→ EXERCISE DESCRIPTION
Word for word, retype the first line of the records and every following line through the one containing "#167=IFCINDEXEDPOLYGONALFACE((13,49,51,15));".

-------- DATASET EXCERPTS --------

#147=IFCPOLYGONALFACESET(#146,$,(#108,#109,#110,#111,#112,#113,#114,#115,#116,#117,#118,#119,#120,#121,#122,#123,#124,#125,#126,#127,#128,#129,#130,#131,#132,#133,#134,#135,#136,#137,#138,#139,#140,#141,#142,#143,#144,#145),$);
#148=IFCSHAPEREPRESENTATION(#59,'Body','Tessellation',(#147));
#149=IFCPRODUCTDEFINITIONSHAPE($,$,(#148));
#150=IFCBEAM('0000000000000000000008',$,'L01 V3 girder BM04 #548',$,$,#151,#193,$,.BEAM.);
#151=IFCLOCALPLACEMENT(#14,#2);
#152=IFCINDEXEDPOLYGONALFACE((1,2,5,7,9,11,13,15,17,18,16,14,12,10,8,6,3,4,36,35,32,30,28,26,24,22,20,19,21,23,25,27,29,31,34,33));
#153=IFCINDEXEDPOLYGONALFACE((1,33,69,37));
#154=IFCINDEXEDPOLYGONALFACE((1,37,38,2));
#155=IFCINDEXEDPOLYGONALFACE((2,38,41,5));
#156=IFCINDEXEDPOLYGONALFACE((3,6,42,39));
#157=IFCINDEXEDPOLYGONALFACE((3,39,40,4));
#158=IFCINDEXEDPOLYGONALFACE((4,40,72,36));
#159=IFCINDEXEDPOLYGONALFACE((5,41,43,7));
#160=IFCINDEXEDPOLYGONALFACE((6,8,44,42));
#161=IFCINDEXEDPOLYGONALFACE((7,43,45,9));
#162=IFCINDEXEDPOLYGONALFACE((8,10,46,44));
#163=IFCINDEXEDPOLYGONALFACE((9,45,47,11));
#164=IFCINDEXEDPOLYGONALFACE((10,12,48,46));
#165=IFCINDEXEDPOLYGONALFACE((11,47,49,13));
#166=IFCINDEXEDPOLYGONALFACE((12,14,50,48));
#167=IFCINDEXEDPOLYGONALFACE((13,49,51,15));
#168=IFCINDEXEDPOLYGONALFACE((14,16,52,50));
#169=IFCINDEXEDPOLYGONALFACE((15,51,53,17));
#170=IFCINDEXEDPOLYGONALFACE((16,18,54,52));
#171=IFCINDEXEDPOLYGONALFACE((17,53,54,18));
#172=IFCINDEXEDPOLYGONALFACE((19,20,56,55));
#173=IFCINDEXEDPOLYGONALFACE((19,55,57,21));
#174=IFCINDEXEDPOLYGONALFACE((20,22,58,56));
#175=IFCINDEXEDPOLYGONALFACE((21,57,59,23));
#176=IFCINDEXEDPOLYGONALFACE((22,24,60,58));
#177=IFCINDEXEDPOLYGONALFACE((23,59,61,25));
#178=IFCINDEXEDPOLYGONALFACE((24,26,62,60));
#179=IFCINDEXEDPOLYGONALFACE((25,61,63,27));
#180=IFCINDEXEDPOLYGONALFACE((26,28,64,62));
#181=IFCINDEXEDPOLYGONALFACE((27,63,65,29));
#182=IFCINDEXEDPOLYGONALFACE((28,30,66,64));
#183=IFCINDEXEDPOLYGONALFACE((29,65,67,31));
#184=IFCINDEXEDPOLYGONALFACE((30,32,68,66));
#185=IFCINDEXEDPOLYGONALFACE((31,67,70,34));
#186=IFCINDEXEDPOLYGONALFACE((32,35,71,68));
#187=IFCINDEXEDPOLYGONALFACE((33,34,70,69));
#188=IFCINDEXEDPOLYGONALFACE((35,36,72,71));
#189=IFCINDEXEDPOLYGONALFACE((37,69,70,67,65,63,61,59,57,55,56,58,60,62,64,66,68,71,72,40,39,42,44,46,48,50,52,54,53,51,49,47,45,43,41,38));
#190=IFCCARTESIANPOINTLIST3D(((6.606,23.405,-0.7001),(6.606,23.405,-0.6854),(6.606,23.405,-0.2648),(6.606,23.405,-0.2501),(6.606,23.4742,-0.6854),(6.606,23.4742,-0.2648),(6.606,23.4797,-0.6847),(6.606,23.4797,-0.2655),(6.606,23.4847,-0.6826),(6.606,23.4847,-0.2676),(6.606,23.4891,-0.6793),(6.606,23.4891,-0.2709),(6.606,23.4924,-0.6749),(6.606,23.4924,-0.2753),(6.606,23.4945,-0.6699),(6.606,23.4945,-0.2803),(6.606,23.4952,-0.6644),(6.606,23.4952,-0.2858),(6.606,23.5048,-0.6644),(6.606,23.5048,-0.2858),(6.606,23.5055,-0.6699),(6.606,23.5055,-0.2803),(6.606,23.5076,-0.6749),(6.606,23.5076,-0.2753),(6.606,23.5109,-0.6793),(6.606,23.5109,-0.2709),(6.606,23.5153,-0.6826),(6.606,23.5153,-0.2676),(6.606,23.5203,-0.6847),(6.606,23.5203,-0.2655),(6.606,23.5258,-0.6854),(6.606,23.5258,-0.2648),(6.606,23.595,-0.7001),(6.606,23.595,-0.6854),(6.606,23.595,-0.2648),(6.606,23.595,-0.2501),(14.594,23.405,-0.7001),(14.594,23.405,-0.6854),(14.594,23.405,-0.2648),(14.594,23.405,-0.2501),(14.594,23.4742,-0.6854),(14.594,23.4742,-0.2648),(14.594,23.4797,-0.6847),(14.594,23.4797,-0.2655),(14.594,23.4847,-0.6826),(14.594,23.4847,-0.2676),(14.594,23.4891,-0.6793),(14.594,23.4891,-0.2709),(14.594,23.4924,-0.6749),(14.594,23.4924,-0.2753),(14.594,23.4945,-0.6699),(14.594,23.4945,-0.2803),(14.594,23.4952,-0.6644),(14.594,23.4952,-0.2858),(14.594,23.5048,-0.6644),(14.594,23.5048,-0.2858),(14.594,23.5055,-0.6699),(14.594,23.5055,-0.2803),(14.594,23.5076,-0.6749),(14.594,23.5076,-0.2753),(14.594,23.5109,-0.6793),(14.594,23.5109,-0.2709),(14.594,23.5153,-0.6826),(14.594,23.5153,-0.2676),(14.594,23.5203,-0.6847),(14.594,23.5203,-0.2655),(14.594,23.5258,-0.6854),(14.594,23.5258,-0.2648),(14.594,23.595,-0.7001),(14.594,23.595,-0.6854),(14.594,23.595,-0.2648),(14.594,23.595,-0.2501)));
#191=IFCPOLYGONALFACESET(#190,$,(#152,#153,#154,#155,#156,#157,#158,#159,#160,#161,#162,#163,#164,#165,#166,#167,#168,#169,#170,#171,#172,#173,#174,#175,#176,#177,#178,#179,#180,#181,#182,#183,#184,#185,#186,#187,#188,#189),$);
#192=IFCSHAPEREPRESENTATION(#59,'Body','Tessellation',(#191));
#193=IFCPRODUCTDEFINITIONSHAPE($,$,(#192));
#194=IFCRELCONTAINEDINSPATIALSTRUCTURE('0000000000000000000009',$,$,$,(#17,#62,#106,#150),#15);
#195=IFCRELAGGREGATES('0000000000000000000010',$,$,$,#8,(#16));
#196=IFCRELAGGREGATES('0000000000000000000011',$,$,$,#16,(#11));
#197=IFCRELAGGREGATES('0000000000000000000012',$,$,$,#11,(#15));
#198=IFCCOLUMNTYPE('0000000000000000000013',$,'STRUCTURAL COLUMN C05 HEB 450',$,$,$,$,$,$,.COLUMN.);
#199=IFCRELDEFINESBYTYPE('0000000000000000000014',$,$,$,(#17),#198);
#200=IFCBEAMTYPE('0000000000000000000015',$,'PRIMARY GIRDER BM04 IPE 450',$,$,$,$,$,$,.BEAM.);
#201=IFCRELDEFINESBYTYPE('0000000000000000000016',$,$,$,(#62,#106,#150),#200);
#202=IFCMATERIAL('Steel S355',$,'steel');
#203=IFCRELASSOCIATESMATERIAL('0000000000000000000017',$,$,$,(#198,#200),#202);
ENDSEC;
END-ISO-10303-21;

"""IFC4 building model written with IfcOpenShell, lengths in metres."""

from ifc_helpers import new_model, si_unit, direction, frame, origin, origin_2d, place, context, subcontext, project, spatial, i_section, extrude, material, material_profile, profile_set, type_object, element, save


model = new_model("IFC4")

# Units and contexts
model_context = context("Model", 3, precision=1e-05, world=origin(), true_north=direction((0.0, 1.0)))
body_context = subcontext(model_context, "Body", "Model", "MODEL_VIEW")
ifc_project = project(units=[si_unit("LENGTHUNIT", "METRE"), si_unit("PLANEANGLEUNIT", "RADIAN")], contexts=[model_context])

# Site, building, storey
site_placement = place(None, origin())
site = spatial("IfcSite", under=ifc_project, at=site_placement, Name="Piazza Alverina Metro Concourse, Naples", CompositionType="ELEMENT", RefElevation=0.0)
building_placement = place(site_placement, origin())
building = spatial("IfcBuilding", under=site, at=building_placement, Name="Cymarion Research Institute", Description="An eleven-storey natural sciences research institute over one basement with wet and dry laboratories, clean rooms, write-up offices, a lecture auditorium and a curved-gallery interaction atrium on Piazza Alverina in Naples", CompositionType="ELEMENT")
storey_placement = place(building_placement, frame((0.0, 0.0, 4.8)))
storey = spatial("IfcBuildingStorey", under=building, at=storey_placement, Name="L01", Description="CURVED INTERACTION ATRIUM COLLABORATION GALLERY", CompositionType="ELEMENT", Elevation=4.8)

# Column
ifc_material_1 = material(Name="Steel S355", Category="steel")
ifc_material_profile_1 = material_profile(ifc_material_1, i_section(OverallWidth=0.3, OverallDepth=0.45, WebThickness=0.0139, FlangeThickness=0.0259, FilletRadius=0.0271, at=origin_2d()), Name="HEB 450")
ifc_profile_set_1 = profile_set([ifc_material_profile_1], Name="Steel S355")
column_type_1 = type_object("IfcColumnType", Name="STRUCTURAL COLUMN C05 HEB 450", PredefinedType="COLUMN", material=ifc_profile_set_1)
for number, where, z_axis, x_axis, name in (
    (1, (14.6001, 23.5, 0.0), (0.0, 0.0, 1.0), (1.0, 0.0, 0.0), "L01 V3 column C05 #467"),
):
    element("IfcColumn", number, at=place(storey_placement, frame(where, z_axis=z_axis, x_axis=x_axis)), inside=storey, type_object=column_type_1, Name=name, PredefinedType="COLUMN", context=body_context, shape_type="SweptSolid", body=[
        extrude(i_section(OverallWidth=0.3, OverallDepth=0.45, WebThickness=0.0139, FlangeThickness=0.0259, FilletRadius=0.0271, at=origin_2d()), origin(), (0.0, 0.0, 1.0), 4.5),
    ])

--------

→ RESULT
#147=IFCPOLYGONALFACESET(#146,$,(#108,#109,#110,#111,#112,#113,#114,#115,#116,#117,#118,#119,#120,#121,#122,#123,#124,#125,#126,#127,#128,#129,#130,#131,#132,#133,#134,#135,#136,#137,#138,#139,#140,#141,#142,#143,#144,#145),$);
#148=IFCSHAPEREPRESENTATION(#59,'Body','Tessellation',(#147));
#149=IFCPRODUCTDEFINITIONSHAPE($,$,(#148));
#150=IFCBEAM('0000000000000000000008',$,'L01 V3 girder BM04 #548',$,$,#151,#193,$,.BEAM.);
#151=IFCLOCALPLACEMENT(#14,#2);
#152=IFCINDEXEDPOLYGONALFACE((1,2,5,7,9,11,13,15,17,18,16,14,12,10,8,6,3,4,36,35,32,30,28,26,24,22,20,19,21,23,25,27,29,31,34,33));
#153=IFCINDEXEDPOLYGONALFACE((1,33,69,37));
#154=IFCINDEXEDPOLYGONALFACE((1,37,38,2));
#155=IFCINDEXEDPOLYGONALFACE((2,38,41,5));
#156=IFCINDEXEDPOLYGONALFACE((3,6,42,39));
#157=IFCINDEXEDPOLYGONALFACE((3,39,40,4));
#158=IFCINDEXEDPOLYGONALFACE((4,40,72,36));
#159=IFCINDEXEDPOLYGONALFACE((5,41,43,7));
#160=IFCINDEXEDPOLYGONALFACE((6,8,44,42));
#161=IFCINDEXEDPOLYGONALFACE((7,43,45,9));
#162=IFCINDEXEDPOLYGONALFACE((8,10,46,44));
#163=IFCINDEXEDPOLYGONALFACE((9,45,47,11));
#164=IFCINDEXEDPOLYGONALFACE((10,12,48,46));
#165=IFCINDEXEDPOLYGONALFACE((11,47,49,13));
#166=IFCINDEXEDPOLYGONALFACE((12,14,50,48));
#167=IFCINDEXEDPOLYGONALFACE((13,49,51,15));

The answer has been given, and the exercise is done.